Directions:
Begin with the first line of the entries below and reproduce each line exactly, ending with the line that holds "#165=IFCPRODUCTDEFINITIONSHAPE($,$,(#164));".

Data for analysis:
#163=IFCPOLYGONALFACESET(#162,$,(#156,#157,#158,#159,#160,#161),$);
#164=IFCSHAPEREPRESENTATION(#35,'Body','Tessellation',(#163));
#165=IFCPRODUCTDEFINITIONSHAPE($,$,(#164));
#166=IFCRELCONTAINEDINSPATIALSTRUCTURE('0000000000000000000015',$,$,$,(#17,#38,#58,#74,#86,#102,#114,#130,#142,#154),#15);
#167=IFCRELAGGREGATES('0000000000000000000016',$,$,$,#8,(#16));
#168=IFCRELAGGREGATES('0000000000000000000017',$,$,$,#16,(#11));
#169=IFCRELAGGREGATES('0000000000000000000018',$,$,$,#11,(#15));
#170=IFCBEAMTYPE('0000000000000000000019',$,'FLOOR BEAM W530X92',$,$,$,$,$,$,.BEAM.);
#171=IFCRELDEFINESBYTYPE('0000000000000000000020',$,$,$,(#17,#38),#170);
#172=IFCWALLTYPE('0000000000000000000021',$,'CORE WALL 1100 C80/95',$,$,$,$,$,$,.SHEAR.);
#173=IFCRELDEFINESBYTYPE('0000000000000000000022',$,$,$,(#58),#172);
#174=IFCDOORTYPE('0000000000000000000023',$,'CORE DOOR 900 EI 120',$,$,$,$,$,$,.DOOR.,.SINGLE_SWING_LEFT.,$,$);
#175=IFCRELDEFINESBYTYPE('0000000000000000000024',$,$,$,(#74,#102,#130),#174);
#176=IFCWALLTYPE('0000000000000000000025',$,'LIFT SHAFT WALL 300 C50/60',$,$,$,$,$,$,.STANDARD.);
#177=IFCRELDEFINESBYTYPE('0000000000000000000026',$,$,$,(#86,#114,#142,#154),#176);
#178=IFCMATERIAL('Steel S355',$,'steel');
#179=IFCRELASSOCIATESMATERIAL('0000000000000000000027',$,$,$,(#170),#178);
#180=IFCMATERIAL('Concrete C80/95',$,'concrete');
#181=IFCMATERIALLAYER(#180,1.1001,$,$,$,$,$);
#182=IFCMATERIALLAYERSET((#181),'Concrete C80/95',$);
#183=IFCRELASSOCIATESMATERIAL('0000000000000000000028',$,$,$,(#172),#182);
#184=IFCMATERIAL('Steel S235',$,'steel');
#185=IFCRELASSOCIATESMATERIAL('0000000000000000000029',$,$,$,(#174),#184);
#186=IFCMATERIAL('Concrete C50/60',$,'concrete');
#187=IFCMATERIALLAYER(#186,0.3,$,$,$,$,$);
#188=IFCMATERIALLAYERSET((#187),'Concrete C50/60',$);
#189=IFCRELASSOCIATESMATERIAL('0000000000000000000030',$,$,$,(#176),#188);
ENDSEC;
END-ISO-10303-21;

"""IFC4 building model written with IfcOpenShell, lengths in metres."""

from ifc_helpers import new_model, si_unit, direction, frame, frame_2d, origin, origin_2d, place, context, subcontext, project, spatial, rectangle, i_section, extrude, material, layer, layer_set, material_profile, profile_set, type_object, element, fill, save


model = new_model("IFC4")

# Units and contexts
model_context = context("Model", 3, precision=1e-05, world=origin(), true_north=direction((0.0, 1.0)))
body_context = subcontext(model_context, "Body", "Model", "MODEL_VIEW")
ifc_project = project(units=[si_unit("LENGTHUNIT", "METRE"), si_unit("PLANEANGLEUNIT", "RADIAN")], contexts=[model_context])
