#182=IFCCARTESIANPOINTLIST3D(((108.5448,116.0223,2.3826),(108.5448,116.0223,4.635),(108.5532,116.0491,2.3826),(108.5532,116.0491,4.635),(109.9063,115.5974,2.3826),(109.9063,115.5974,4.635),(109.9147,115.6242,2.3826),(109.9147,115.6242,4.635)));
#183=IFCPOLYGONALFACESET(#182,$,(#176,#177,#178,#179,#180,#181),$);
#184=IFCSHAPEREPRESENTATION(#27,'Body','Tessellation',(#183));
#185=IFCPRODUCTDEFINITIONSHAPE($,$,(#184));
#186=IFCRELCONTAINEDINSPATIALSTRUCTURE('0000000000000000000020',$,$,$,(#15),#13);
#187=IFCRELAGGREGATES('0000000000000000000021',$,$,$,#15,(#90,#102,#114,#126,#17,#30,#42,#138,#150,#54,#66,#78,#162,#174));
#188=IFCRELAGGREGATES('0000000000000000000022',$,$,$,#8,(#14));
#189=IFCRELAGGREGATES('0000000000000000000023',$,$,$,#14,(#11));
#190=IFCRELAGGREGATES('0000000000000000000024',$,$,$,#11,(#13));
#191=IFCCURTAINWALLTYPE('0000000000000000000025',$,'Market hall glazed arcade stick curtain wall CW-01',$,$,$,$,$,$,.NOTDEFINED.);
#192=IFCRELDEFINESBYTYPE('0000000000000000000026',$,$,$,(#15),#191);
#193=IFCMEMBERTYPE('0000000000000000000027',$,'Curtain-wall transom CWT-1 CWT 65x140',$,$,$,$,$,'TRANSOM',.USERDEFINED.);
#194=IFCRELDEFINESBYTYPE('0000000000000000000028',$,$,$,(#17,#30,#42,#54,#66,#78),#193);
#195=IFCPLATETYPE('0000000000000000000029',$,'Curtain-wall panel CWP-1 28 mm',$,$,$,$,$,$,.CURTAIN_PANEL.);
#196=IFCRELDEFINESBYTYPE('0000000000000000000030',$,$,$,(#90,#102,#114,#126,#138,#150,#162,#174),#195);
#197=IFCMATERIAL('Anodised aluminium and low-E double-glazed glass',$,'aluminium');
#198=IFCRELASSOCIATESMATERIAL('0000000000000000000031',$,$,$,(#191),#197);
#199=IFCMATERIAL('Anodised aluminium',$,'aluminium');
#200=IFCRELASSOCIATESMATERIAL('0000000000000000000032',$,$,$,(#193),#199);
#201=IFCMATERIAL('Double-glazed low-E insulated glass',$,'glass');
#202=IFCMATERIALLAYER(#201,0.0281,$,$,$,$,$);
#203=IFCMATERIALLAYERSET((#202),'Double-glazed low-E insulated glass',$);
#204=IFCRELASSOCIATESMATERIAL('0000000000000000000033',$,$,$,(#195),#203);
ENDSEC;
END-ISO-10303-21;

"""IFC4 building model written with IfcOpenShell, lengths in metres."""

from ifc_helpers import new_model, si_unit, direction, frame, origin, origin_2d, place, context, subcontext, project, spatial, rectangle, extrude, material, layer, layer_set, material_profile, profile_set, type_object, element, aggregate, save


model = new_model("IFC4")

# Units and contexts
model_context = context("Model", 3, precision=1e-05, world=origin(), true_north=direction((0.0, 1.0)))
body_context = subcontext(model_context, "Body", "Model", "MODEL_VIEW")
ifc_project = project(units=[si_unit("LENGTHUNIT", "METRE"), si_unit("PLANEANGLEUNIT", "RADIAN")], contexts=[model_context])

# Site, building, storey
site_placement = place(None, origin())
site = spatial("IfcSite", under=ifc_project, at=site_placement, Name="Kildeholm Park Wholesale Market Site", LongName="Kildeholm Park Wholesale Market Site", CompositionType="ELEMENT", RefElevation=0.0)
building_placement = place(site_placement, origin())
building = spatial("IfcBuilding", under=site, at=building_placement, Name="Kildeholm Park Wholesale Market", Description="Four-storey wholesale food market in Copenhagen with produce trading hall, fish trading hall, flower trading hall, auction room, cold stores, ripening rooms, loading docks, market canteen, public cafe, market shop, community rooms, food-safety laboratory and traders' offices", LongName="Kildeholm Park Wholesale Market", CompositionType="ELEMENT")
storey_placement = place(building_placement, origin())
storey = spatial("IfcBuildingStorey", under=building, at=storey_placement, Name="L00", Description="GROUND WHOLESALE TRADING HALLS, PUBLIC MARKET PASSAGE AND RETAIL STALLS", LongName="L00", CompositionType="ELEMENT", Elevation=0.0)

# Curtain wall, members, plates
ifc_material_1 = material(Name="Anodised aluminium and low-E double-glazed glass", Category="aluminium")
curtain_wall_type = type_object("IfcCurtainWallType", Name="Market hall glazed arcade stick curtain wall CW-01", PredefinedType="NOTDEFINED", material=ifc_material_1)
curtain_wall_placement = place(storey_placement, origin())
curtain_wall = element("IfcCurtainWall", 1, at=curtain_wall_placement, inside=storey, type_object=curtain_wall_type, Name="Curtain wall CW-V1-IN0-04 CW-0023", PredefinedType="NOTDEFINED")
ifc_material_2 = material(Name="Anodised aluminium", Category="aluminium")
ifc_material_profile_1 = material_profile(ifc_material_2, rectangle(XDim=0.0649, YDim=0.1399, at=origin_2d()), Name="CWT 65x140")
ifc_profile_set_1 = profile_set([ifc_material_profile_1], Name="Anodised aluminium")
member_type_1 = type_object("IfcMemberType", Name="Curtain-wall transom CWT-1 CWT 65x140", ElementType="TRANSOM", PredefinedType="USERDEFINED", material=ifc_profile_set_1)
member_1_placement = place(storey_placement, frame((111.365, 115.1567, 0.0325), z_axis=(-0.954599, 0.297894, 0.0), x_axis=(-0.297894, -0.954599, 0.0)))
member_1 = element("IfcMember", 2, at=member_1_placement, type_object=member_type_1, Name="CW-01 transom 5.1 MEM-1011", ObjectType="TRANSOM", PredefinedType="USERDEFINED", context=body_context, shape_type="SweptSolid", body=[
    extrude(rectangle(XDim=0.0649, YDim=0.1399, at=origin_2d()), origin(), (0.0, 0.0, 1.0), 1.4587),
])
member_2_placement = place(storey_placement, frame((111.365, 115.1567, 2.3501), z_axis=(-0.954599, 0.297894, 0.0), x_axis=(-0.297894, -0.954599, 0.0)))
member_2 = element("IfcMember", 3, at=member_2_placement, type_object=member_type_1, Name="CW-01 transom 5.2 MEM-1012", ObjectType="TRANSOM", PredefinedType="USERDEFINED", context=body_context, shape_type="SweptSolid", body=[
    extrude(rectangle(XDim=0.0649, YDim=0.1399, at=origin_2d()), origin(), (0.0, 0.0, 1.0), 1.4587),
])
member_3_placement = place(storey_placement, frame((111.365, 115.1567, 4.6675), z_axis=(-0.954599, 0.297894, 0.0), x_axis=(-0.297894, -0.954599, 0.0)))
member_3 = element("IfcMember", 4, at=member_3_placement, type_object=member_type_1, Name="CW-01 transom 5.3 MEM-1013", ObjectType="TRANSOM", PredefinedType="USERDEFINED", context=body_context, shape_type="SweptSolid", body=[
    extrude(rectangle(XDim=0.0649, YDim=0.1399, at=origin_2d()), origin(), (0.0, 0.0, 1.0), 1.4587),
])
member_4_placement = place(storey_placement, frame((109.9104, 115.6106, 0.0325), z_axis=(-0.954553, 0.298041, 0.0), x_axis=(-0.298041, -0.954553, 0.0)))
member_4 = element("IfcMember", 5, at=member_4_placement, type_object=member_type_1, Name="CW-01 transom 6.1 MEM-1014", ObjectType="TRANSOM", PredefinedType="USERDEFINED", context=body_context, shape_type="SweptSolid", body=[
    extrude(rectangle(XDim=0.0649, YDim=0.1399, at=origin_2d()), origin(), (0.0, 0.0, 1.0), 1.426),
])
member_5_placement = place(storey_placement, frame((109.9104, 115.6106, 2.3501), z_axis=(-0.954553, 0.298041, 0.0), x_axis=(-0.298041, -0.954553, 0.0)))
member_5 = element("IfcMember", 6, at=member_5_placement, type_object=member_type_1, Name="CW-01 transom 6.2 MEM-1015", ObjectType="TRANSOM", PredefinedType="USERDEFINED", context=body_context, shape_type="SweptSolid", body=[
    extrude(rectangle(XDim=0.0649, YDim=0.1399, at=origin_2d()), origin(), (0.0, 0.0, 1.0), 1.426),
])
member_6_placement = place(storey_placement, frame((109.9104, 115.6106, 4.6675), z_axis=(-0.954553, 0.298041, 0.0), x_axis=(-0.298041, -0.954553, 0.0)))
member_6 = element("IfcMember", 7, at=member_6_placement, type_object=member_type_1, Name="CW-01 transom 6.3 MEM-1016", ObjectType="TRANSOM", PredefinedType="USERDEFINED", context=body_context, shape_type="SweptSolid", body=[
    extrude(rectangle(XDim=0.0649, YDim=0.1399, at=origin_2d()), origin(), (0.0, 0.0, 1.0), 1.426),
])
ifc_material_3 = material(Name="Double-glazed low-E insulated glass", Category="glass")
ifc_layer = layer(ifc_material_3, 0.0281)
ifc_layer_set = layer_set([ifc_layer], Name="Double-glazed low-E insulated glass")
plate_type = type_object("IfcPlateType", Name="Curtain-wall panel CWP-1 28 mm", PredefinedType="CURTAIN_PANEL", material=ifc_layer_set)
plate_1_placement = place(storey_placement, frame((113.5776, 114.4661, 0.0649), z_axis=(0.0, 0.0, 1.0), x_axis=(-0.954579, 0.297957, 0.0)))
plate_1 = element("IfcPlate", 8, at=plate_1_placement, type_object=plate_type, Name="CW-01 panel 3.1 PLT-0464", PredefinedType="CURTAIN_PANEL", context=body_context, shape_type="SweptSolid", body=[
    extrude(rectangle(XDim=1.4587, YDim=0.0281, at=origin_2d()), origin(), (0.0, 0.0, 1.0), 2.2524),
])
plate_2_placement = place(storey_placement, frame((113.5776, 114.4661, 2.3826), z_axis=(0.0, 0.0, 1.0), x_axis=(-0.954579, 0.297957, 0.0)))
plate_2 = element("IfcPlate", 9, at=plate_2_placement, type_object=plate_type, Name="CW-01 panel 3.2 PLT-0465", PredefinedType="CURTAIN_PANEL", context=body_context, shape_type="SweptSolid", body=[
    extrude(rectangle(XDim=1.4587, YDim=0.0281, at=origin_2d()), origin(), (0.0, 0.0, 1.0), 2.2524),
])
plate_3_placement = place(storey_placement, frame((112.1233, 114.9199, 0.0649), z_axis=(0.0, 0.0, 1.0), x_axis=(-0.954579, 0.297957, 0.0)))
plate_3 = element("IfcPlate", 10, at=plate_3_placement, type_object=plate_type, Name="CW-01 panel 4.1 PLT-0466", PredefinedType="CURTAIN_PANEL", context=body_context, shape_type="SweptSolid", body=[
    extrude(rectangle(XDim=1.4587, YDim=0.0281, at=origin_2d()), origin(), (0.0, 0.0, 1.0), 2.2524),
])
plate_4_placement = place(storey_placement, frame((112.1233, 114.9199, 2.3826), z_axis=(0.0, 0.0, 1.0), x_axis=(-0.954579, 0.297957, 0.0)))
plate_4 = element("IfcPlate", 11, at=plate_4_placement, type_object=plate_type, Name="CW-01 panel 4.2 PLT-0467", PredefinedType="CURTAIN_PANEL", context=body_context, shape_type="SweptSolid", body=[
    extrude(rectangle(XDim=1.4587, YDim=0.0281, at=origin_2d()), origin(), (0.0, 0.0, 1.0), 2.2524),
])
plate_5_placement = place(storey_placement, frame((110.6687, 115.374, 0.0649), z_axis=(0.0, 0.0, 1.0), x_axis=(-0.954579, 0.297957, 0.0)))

Solution to the exercise:
#163=IFCPOLYGONALFACESET(#162,$,(#156,#157,#158,#159,#160,#161),$);
#164=IFCSHAPEREPRESENTATION(#35,'Body','Tessellation',(#163));
#165=IFCPRODUCTDEFINITIONSHAPE($,$,(#164));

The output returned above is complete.